Problem description: Among the records that follow, find each line holding the word "Short" and copy it.

Supplied material:
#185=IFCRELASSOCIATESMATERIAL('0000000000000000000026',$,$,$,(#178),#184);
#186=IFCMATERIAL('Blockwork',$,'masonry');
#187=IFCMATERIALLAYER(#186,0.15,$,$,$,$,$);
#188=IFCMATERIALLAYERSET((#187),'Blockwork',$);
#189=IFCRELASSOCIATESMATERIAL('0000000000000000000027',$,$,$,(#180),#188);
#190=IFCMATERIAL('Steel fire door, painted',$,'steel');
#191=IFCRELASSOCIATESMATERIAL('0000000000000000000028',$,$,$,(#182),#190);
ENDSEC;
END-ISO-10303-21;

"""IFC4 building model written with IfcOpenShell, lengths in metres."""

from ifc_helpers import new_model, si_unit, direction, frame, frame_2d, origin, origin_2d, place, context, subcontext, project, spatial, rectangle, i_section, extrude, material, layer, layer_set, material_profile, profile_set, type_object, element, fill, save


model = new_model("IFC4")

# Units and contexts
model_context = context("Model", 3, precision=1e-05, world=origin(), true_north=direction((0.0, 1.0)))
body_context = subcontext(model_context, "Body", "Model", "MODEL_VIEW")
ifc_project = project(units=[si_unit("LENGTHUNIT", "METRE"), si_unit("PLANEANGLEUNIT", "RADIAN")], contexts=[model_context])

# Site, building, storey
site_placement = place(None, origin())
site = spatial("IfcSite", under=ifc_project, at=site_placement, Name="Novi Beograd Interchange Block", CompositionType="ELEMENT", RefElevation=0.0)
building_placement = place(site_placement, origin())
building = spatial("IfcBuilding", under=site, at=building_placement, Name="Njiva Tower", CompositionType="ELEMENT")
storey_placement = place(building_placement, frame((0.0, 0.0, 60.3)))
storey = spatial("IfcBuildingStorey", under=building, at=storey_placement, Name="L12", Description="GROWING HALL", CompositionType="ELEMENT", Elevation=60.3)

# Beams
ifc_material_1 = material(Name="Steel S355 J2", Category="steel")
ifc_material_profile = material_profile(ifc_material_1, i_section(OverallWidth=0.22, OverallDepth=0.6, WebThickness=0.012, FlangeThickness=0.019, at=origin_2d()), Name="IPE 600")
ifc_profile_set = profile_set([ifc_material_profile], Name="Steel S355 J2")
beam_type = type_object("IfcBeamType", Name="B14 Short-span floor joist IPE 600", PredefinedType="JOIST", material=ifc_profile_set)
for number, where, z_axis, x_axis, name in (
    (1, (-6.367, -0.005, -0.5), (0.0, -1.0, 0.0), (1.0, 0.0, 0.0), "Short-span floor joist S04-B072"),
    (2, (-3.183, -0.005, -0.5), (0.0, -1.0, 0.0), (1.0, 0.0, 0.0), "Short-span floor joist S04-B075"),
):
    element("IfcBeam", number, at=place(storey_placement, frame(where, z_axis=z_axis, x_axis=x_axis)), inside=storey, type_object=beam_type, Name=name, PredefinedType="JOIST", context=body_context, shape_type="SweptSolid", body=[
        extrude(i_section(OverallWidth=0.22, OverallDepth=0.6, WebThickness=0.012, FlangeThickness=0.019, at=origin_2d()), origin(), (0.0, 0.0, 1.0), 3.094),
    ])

Exercise answer:
beam_type = type_object("IfcBeamType", Name="B14 Short-span floor joist IPE 600", PredefinedType="JOIST", material=ifc_profile_set)
    (1, (-6.367, -0.005, -0.5), (0.0, -1.0, 0.0), (1.0, 0.0, 0.0), "Short-span floor joist S04-B072"),
    (2, (-3.183, -0.005, -0.5), (0.0, -1.0, 0.0), (1.0, 0.0, 0.0), "Short-span floor joist S04-B075"),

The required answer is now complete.